(Dataset entries)
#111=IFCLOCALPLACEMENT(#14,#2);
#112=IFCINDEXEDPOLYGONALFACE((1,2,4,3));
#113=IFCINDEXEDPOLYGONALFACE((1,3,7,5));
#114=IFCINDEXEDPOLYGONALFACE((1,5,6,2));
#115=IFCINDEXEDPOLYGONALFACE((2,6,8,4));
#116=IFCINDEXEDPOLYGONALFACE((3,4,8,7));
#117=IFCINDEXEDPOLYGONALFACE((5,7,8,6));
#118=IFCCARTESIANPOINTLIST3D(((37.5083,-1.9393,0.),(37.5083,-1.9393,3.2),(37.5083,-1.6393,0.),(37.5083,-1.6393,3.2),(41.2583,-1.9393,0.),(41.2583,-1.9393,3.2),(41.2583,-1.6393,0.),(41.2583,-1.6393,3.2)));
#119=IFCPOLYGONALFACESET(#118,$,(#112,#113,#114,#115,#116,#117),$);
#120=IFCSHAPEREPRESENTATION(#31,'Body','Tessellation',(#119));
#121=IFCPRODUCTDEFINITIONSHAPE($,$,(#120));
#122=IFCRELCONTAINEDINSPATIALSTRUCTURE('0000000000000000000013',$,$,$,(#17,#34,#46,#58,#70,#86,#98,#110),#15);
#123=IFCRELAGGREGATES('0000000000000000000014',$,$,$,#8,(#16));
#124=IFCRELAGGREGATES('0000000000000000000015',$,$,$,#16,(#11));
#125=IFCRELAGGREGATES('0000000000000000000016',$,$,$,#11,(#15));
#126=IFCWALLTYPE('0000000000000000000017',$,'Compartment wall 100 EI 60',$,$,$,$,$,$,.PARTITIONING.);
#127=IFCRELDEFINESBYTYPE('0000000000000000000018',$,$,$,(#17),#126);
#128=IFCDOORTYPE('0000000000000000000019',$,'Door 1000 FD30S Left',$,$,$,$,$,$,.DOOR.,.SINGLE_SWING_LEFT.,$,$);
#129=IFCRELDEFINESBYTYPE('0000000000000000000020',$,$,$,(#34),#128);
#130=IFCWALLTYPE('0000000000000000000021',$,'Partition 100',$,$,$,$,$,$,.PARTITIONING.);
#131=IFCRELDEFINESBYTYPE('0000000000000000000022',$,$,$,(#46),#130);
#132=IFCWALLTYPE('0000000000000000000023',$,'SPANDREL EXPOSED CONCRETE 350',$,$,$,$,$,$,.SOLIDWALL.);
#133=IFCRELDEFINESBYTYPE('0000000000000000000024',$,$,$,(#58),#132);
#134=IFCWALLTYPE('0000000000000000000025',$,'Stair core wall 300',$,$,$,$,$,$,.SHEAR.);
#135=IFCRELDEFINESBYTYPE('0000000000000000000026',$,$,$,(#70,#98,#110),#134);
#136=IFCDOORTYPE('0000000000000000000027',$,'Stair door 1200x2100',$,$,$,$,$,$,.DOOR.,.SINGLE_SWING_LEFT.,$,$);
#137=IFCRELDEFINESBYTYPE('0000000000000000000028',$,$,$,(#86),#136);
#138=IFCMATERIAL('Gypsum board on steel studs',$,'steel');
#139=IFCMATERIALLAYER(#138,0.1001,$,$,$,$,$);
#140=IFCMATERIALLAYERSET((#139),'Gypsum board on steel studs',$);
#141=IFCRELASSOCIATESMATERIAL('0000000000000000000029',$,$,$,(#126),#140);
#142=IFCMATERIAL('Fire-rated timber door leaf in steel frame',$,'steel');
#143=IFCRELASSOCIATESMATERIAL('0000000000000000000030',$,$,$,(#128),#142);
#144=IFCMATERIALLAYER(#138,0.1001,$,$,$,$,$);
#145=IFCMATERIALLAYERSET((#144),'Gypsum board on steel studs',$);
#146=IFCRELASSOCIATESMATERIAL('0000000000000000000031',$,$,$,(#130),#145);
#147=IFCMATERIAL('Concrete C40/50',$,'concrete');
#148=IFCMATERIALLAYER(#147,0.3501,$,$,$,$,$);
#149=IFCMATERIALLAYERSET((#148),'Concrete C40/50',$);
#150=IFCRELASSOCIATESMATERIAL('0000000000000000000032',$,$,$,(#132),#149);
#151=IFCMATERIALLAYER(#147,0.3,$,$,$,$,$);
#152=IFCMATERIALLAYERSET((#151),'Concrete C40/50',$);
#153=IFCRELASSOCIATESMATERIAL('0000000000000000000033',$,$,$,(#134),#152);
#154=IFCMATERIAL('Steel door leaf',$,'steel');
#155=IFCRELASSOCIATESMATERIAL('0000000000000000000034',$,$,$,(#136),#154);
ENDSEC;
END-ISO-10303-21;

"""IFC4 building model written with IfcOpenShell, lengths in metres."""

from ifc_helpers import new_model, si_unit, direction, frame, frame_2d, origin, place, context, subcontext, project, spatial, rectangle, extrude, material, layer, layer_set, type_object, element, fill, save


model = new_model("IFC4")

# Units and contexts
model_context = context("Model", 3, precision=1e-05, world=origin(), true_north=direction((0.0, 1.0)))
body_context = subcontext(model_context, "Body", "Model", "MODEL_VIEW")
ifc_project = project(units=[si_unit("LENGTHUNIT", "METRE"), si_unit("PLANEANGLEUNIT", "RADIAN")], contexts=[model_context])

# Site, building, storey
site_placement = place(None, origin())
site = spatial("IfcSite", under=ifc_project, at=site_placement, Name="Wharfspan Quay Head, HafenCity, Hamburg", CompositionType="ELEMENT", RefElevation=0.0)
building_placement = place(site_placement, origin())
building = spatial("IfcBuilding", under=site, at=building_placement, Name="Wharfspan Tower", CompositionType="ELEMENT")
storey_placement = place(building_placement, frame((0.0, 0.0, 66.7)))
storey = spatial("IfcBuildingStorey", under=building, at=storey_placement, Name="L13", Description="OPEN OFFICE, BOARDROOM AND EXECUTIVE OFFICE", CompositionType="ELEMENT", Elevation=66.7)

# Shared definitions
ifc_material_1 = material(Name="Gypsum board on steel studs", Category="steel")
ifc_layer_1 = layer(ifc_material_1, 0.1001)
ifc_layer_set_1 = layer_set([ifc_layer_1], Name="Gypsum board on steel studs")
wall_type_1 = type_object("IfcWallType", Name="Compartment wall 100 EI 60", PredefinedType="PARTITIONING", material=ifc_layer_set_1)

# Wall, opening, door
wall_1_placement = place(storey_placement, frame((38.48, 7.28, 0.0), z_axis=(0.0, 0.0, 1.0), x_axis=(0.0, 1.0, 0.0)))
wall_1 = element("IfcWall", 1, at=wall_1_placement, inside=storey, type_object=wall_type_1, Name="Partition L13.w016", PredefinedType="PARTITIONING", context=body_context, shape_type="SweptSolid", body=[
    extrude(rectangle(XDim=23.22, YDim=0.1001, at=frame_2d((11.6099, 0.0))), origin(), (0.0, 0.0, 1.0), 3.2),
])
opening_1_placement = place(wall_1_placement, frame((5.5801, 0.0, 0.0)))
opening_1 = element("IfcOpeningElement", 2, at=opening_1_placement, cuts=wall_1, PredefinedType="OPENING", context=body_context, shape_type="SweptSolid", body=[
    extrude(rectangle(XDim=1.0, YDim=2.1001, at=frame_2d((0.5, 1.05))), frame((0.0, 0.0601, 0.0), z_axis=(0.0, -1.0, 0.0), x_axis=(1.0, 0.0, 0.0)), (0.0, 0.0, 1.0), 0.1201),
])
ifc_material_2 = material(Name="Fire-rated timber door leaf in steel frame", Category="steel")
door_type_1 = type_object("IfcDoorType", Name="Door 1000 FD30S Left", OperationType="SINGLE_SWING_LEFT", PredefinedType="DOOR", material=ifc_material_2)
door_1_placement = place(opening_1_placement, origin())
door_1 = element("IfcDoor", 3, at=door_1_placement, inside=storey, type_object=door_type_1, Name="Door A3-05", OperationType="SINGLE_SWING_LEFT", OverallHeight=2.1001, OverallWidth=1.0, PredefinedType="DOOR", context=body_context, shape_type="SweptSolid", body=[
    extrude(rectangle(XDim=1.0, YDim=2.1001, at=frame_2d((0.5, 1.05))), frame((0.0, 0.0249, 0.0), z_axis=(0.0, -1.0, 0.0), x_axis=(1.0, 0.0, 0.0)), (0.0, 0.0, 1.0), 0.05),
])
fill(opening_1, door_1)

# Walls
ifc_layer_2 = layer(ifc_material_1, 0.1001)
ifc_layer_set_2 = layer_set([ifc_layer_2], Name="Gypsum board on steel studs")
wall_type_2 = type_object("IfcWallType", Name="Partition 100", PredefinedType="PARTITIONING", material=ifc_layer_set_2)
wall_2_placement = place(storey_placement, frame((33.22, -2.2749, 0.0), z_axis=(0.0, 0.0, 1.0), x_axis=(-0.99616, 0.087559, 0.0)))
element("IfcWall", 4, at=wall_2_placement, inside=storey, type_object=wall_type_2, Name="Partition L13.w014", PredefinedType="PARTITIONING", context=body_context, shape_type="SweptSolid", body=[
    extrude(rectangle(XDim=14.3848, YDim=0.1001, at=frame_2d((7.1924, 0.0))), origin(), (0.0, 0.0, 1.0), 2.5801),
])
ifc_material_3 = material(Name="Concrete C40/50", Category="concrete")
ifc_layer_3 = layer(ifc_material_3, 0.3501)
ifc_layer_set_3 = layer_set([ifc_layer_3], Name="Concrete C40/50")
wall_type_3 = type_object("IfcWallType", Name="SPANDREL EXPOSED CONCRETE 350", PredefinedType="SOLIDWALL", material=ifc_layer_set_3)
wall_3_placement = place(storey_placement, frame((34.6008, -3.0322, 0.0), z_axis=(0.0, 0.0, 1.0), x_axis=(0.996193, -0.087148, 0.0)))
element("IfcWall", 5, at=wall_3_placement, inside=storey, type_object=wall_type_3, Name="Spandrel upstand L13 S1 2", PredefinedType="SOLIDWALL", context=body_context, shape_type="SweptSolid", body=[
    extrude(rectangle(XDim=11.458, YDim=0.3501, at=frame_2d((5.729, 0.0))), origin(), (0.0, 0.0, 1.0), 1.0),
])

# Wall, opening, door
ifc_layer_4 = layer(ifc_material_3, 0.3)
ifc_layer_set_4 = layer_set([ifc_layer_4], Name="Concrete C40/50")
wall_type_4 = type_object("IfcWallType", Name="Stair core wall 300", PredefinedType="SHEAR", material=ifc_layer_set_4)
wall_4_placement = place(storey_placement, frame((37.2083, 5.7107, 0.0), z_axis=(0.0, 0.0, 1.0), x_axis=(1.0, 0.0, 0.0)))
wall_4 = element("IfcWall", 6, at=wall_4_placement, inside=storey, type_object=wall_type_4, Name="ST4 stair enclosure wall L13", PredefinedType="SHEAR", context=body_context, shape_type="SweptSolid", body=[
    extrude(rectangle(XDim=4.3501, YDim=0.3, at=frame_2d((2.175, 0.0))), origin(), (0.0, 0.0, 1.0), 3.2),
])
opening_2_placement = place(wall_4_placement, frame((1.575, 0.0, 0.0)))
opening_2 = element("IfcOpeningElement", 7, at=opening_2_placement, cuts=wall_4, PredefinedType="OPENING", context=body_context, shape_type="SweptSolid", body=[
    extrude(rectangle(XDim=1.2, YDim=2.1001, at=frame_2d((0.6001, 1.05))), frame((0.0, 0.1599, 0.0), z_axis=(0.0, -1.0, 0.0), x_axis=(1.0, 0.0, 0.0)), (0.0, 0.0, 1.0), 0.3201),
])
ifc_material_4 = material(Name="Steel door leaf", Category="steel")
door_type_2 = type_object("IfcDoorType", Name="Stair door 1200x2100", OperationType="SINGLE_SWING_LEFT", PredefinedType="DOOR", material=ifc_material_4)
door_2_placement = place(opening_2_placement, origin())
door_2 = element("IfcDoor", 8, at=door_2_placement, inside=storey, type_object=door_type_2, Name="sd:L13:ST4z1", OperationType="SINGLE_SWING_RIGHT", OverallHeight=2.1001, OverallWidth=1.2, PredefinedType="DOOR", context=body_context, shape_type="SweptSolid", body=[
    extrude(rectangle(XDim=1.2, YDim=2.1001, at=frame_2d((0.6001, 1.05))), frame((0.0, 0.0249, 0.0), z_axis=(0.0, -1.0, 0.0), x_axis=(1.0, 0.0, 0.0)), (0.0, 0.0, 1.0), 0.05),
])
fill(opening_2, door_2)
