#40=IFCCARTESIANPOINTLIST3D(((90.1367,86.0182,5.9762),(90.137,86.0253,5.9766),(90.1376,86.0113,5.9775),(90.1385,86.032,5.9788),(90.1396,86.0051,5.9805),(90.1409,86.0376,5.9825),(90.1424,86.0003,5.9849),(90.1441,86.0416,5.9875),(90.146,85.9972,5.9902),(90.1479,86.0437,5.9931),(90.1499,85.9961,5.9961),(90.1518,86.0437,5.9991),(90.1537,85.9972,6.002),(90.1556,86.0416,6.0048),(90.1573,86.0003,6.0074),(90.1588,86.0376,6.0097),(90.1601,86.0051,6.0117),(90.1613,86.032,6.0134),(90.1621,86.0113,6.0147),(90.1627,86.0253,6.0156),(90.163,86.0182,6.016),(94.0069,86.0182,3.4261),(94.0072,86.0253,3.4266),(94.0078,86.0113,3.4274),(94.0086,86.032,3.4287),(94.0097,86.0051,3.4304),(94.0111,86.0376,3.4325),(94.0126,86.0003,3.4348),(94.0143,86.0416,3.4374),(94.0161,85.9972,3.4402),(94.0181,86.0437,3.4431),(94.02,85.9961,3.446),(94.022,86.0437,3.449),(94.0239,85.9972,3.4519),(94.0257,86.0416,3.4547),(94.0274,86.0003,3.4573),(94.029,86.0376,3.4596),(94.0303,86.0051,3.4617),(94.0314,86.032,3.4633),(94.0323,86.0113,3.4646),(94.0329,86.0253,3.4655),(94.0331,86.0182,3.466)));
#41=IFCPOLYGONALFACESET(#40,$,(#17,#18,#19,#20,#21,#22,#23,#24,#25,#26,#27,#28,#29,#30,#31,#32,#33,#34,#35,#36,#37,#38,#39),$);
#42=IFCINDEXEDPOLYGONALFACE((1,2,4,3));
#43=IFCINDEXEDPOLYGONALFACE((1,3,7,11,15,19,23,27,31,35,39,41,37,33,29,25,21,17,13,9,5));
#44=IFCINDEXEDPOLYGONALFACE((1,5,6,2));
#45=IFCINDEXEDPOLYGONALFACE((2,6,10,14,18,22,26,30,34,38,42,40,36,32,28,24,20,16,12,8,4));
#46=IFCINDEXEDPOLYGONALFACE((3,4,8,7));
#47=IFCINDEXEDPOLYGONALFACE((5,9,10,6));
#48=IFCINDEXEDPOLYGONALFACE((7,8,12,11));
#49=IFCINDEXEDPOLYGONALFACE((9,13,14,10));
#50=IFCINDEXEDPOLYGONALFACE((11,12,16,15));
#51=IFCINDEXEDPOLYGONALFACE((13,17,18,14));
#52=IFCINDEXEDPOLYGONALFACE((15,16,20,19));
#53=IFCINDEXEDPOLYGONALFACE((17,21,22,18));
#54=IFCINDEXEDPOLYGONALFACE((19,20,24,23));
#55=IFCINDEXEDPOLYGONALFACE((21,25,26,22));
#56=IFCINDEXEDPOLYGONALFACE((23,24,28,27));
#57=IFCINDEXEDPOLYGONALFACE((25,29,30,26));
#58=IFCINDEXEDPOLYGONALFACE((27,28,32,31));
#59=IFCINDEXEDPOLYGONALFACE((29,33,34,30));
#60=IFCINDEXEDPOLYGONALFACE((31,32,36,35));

Work required: Set apart and copy each line of the records that holds the word "Wharfspan".

Task solution:
site = spatial("IfcSite", under=ifc_project, at=site_placement, Name="Wharfspan Quay Head, HafenCity, Hamburg", CompositionType="ELEMENT", RefElevation=0.0)
building = spatial("IfcBuilding", under=site, at=building_placement, Name="Wharfspan Tower", CompositionType="ELEMENT")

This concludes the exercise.